[Collected data]
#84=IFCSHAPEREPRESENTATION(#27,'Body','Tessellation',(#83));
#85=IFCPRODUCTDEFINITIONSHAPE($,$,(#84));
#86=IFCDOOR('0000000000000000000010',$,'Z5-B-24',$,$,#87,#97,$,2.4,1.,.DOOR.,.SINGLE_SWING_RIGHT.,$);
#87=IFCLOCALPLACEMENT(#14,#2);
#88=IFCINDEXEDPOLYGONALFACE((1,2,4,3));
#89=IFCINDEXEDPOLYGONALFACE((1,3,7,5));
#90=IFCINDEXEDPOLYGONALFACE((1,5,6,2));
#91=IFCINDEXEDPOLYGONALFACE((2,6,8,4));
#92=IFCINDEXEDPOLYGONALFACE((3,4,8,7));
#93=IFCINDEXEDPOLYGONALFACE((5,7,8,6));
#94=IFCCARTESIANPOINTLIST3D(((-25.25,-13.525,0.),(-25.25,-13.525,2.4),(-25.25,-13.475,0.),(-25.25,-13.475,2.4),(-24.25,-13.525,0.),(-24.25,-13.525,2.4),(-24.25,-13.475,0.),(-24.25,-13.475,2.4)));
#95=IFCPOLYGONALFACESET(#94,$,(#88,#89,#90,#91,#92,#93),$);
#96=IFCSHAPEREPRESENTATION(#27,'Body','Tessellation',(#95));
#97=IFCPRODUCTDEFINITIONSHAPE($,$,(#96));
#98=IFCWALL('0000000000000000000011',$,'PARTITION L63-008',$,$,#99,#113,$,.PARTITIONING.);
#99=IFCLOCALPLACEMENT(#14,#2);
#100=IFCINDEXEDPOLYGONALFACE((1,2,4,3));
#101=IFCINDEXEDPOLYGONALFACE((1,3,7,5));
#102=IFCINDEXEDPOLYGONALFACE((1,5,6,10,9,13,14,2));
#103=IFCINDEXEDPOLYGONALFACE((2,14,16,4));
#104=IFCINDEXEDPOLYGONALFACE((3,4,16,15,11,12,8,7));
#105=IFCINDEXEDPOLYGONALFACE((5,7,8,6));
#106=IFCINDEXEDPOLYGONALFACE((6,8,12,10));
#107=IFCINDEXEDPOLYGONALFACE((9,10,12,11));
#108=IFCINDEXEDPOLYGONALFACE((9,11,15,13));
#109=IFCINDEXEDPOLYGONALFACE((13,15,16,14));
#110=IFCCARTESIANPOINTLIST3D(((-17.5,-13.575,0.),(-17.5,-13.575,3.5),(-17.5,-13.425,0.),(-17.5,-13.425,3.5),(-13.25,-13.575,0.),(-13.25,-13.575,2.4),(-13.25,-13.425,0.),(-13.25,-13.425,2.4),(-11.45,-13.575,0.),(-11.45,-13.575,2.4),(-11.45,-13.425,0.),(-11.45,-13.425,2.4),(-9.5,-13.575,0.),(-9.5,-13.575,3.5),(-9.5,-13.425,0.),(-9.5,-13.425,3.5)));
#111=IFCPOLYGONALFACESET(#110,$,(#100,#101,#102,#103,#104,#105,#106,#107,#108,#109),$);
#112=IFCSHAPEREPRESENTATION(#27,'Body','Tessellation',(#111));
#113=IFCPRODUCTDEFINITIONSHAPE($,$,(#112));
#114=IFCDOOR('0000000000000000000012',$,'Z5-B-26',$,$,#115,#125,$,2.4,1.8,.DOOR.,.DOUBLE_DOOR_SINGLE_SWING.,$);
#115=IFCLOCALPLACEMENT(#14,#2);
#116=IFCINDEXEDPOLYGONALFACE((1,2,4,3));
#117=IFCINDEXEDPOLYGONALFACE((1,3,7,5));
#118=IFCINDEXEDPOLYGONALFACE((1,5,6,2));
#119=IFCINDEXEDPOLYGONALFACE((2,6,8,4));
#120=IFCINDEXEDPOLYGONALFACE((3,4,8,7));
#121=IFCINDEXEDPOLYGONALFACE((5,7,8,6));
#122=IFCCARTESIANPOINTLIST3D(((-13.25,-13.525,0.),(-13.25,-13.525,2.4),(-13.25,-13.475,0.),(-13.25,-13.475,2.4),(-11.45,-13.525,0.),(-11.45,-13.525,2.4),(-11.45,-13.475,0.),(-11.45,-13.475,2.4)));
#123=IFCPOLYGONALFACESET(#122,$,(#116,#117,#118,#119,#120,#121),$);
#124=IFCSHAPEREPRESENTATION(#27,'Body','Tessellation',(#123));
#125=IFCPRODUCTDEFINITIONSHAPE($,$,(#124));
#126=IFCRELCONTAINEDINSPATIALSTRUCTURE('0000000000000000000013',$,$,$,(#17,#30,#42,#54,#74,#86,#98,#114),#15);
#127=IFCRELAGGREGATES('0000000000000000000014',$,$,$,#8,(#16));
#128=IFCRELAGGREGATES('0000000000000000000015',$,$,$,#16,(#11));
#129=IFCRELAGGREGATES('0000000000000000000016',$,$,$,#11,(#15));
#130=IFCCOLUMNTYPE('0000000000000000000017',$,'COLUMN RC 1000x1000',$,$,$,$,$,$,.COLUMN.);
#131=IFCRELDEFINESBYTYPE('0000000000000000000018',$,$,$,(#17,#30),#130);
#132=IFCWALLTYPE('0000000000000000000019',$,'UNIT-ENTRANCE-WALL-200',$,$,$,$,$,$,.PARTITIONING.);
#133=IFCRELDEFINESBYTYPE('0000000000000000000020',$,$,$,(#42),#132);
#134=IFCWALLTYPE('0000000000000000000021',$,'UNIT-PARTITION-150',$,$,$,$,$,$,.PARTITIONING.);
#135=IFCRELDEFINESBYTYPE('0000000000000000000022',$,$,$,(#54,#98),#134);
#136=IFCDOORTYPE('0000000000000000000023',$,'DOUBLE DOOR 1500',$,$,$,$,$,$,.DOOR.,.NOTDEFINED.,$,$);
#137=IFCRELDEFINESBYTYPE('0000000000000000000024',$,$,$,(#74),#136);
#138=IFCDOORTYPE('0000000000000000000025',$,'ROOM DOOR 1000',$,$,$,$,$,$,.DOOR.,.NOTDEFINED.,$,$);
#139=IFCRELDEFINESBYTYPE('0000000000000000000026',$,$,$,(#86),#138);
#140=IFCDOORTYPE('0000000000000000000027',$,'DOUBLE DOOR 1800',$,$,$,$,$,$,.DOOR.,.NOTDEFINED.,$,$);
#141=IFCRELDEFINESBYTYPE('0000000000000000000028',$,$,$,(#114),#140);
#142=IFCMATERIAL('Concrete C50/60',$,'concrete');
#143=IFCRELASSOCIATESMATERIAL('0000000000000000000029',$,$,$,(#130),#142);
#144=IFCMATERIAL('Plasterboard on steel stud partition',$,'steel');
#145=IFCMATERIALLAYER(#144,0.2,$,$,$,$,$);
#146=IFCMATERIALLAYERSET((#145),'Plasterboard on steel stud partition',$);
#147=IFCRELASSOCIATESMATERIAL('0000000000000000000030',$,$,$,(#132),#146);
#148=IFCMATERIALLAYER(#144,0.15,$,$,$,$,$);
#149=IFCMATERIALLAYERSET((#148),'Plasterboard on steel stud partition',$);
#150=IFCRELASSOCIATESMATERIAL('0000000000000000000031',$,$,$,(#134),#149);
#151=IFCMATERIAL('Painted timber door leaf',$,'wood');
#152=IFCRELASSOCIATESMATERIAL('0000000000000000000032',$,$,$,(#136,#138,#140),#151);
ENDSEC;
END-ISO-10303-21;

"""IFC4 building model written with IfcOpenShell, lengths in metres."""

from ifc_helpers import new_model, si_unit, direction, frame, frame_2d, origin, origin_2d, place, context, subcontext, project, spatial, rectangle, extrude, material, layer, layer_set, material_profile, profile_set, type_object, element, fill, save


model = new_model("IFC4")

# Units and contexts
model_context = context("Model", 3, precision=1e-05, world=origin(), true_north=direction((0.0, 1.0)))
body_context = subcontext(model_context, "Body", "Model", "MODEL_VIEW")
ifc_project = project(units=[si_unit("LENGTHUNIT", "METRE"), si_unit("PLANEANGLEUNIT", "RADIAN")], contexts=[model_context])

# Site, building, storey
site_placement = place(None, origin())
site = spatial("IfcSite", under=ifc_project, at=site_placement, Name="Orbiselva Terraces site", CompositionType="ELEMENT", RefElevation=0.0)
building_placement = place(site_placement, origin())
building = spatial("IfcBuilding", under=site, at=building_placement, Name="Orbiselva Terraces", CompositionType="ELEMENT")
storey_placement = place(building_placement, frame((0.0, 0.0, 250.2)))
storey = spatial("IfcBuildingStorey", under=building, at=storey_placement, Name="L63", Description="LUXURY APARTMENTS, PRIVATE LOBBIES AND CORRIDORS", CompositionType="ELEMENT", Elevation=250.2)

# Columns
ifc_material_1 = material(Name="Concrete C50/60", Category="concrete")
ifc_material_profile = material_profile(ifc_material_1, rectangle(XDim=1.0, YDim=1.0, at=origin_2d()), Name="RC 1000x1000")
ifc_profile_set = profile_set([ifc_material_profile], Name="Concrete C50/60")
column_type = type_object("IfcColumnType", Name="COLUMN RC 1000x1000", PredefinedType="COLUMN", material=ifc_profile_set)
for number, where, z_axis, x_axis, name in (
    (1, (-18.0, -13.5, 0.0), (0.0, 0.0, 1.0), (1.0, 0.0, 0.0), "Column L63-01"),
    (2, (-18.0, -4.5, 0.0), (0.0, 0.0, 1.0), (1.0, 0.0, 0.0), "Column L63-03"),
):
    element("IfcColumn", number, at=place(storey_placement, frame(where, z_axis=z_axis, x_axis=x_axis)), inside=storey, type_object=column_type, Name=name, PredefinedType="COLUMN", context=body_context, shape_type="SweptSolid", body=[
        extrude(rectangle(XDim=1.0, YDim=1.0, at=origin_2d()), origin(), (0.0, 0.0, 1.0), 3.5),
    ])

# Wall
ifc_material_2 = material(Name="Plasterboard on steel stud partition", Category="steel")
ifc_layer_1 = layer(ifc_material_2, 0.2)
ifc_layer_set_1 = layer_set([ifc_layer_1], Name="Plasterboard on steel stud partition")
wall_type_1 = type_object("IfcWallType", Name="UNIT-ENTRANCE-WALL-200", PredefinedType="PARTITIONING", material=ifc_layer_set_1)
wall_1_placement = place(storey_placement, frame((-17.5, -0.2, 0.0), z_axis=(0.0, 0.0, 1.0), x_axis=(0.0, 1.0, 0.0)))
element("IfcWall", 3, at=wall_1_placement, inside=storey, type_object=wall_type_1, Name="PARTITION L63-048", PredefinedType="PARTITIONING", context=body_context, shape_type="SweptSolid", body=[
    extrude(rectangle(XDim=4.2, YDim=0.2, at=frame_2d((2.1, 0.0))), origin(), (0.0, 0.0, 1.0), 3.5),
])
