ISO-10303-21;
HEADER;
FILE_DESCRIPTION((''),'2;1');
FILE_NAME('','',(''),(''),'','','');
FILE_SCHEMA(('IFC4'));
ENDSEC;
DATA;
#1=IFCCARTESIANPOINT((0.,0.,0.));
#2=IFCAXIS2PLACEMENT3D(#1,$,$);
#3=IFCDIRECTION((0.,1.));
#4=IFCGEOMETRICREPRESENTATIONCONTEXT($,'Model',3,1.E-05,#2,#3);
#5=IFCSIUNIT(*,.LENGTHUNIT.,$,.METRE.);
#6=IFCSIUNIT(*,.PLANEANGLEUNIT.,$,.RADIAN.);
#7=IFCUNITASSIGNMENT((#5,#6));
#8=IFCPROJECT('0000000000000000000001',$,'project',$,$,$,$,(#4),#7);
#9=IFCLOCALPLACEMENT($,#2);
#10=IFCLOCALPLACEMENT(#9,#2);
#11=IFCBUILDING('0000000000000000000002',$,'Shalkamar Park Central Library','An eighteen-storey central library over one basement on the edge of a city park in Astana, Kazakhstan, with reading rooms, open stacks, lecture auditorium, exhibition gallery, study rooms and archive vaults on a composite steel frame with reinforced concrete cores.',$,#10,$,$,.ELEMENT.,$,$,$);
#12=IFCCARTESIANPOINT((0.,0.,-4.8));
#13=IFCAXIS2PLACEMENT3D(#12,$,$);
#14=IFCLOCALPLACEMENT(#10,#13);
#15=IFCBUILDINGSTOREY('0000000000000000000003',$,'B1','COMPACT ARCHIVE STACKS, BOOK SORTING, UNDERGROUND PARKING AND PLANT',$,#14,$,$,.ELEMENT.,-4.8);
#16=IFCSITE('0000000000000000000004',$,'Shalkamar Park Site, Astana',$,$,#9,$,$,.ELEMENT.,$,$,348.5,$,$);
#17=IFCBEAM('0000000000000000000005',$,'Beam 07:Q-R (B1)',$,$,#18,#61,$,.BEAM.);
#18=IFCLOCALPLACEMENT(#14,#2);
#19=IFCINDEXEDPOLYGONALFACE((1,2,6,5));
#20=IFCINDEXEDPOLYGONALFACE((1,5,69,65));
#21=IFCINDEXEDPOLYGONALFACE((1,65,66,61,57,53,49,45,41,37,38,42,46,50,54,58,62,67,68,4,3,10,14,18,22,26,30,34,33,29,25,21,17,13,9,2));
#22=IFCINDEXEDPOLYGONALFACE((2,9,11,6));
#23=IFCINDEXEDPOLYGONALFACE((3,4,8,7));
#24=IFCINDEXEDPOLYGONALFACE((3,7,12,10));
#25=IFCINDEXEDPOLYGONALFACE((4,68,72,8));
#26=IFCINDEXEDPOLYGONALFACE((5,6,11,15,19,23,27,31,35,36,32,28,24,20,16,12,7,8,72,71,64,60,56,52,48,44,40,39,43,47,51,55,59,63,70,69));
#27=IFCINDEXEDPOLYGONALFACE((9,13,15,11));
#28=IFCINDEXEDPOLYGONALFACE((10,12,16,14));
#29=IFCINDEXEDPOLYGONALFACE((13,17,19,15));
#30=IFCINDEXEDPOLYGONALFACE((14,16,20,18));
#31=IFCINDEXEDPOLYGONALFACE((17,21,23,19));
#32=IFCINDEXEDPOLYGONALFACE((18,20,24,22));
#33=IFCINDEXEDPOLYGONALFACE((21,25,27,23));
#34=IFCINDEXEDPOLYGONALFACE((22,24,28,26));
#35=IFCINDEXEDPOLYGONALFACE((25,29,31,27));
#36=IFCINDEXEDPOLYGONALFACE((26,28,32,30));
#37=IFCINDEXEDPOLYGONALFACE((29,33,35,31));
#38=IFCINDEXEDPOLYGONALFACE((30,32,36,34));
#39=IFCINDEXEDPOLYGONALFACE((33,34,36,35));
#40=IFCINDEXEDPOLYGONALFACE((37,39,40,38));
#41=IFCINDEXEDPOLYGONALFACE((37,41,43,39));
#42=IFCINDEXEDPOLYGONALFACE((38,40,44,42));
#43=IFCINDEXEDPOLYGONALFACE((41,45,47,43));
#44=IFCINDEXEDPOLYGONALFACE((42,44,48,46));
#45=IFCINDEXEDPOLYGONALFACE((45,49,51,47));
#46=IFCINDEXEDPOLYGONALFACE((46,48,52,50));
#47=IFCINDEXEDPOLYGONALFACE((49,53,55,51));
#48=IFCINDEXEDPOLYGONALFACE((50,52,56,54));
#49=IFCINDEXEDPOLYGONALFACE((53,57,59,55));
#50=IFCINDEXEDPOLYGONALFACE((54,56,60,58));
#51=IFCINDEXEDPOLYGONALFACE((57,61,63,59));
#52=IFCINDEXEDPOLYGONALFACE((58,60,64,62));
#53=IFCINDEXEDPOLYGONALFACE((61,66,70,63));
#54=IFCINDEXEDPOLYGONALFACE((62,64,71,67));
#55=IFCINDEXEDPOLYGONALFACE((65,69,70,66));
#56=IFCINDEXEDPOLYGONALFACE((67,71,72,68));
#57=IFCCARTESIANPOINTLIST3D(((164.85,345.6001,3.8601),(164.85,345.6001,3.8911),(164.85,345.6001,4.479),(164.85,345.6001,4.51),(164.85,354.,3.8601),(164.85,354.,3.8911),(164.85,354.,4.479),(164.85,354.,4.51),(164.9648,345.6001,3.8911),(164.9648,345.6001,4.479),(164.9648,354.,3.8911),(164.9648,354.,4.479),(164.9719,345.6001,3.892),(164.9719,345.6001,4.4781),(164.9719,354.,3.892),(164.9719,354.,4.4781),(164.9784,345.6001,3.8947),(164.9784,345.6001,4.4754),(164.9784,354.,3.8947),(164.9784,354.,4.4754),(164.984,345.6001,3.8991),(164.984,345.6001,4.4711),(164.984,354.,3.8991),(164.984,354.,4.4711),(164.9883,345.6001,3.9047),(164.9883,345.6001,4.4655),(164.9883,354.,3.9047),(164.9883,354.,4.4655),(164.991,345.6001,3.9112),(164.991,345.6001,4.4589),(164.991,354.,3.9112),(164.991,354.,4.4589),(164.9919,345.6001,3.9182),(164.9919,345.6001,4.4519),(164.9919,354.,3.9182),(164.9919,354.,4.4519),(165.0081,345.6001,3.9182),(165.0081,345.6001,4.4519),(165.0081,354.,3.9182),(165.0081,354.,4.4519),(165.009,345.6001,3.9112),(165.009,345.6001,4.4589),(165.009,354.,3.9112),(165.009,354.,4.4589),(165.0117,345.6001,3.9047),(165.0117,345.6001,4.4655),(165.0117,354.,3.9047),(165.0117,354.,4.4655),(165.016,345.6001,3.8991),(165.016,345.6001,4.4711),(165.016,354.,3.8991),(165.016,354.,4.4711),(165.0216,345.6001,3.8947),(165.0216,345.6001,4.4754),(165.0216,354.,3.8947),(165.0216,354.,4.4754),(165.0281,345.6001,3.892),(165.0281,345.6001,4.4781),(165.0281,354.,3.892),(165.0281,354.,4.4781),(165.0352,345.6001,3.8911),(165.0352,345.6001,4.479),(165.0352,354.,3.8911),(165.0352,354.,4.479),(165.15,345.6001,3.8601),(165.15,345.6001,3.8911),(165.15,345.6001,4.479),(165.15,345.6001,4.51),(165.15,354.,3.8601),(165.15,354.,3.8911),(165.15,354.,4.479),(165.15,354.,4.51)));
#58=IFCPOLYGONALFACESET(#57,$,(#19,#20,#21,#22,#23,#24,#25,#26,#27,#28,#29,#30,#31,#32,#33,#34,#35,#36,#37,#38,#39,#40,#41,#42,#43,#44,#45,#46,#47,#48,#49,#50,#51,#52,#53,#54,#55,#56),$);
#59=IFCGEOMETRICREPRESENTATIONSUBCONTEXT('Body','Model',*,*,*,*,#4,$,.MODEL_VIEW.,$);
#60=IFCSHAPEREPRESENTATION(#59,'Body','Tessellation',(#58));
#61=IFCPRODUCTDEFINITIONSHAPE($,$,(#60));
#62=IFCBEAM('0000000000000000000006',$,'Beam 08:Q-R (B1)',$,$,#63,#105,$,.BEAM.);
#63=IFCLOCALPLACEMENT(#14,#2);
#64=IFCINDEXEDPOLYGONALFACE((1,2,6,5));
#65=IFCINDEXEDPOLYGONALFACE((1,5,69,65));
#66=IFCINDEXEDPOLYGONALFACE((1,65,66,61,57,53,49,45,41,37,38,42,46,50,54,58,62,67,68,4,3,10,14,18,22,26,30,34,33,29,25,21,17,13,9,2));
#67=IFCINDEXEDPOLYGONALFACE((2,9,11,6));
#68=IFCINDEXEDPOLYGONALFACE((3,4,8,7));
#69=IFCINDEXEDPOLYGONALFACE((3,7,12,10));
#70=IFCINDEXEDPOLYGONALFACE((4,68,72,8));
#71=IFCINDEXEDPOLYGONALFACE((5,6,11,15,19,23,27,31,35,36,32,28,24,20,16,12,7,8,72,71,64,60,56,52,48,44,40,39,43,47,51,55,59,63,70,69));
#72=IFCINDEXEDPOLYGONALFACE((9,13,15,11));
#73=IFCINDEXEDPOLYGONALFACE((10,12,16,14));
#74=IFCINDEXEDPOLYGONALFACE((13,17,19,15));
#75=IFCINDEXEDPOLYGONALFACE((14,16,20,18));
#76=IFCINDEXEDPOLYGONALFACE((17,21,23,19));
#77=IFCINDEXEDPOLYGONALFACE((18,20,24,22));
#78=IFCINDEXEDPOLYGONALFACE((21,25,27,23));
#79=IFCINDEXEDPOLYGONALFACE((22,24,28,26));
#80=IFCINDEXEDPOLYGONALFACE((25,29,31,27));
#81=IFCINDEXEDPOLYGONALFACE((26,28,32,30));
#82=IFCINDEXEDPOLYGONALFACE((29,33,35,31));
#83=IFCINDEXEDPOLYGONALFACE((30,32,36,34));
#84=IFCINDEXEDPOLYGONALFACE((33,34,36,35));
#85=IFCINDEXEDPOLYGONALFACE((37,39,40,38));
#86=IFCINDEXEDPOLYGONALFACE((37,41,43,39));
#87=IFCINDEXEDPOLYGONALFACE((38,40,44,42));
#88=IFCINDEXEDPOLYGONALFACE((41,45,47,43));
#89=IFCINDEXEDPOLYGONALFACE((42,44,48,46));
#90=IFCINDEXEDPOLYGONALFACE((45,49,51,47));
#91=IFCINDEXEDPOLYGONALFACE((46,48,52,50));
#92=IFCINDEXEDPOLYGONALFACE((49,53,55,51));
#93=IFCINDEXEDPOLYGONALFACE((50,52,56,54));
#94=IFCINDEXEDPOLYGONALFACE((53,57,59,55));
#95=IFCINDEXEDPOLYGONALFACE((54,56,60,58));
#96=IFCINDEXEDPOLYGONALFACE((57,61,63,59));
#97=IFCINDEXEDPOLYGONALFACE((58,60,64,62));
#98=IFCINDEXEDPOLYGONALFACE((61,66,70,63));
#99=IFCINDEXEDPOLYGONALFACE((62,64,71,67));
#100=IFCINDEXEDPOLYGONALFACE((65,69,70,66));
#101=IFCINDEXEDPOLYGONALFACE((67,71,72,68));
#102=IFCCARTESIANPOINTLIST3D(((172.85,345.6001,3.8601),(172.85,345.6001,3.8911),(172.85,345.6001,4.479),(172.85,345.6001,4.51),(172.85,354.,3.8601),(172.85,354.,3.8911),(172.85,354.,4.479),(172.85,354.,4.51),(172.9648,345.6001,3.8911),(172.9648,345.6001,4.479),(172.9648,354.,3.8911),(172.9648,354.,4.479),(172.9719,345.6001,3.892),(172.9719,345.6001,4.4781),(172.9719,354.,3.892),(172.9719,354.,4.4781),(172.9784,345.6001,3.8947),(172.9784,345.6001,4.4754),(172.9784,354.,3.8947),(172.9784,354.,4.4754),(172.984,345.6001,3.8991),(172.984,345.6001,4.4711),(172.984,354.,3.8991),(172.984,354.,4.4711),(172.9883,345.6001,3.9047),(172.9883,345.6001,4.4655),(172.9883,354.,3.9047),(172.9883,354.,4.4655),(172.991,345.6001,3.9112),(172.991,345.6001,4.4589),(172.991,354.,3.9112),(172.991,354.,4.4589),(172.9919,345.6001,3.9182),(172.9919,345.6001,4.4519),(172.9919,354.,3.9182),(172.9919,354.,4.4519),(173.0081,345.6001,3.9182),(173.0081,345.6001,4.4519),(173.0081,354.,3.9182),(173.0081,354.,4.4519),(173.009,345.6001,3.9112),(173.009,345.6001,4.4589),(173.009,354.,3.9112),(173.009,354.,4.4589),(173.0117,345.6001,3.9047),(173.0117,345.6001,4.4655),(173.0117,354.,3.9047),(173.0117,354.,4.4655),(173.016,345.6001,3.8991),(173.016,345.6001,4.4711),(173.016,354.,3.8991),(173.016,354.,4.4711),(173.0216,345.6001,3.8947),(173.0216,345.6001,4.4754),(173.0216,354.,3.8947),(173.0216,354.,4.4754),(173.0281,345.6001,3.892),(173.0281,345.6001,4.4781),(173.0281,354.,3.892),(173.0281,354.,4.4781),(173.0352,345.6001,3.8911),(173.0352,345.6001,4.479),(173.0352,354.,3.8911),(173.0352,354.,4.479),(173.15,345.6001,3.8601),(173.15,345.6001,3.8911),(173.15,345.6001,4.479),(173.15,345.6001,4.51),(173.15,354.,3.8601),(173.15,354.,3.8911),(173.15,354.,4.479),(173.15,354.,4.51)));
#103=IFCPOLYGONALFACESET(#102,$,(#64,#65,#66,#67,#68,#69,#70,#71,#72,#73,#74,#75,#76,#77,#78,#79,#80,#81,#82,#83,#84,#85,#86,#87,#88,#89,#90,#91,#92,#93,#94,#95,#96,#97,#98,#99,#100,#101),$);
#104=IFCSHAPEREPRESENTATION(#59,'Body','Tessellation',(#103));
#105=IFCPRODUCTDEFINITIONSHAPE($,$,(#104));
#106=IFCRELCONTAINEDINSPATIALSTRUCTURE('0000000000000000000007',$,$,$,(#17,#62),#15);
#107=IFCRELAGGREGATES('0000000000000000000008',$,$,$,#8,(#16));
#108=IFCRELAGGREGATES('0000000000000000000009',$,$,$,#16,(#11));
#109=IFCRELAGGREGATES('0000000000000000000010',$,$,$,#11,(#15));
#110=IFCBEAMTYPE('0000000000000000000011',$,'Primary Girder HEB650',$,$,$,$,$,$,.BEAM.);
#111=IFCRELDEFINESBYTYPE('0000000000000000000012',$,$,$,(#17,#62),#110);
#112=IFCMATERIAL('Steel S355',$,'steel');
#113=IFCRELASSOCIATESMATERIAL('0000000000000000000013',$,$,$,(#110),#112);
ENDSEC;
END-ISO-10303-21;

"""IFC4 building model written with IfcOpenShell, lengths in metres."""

from ifc_helpers import new_model, si_unit, direction, frame, origin, origin_2d, place, context, subcontext, project, spatial, i_section, extrude, material, material_profile, profile_set, type_object, element, save


model = new_model("IFC4")

# Units and contexts
model_context = context("Model", 3, precision=1e-05, world=origin(), true_north=direction((0.0, 1.0)))
body_context = subcontext(model_context, "Body", "Model", "MODEL_VIEW")
ifc_project = project(units=[si_unit("LENGTHUNIT", "METRE"), si_unit("PLANEANGLEUNIT", "RADIAN")], contexts=[model_context])

# Site, building, storey
site_placement = place(None, origin())
site = spatial("IfcSite", under=ifc_project, at=site_placement, Name="Shalkamar Park Site, Astana", CompositionType="ELEMENT", RefElevation=348.5)
building_placement = place(site_placement, origin())
building = spatial("IfcBuilding", under=site, at=building_placement, Name="Shalkamar Park Central Library", Description="An eighteen-storey central library over one basement on the edge of a city park in Astana, Kazakhstan, with reading rooms, open stacks, lecture auditorium, exhibition gallery, study rooms and archive vaults on a composite steel frame with reinforced concrete cores.", CompositionType="ELEMENT")
storey_placement = place(building_placement, frame((0.0, 0.0, -4.8)))
storey = spatial("IfcBuildingStorey", under=building, at=storey_placement, Name="B1", Description="COMPACT ARCHIVE STACKS, BOOK SORTING, UNDERGROUND PARKING AND PLANT", CompositionType="ELEMENT", Elevation=-4.8)

# Shared definitions
ifc_material_1 = material(Name="Steel S355", Category="steel")

# Beams
ifc_material_profile_1 = material_profile(ifc_material_1, i_section(OverallWidth=0.3, OverallDepth=0.6499, WebThickness=0.0161, FlangeThickness=0.031, FilletRadius=0.0271, at=origin_2d()), Name="HEB 650")
ifc_profile_set_1 = profile_set([ifc_material_profile_1], Name="Steel S355")
beam_type_1 = type_object("IfcBeamType", Name="Primary Girder HEB650", PredefinedType="BEAM", material=ifc_profile_set_1)
for number, where, z_axis, x_axis, name in (
    (1, (165.0, 345.6001, 4.1851), (0.0, 1.0, 0.0), (-1.0, 0.0, 0.0), "Beam 07:Q-R (B1)"),
    (2, (173.0, 345.6001, 4.1851), (0.0, 1.0, 0.0), (-1.0, 0.0, 0.0), "Beam 08:Q-R (B1)"),
):
    element("IfcBeam", number, at=place(storey_placement, frame(where, z_axis=z_axis, x_axis=x_axis)), inside=storey, type_object=beam_type_1, Name=name, PredefinedType="BEAM", context=body_context, shape_type="SweptSolid", body=[
        extrude(i_section(OverallWidth=0.3, OverallDepth=0.6499, WebThickness=0.0161, FlangeThickness=0.031, FilletRadius=0.0271, at=origin_2d()), origin(), (0.0, 0.0, 1.0), 8.3999),
    ])

save(model, "model.ifc")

| Exercise objective |
Return the total number of lines in the records that contain "Terraces", without any explanation.

| Response for this exercise |
2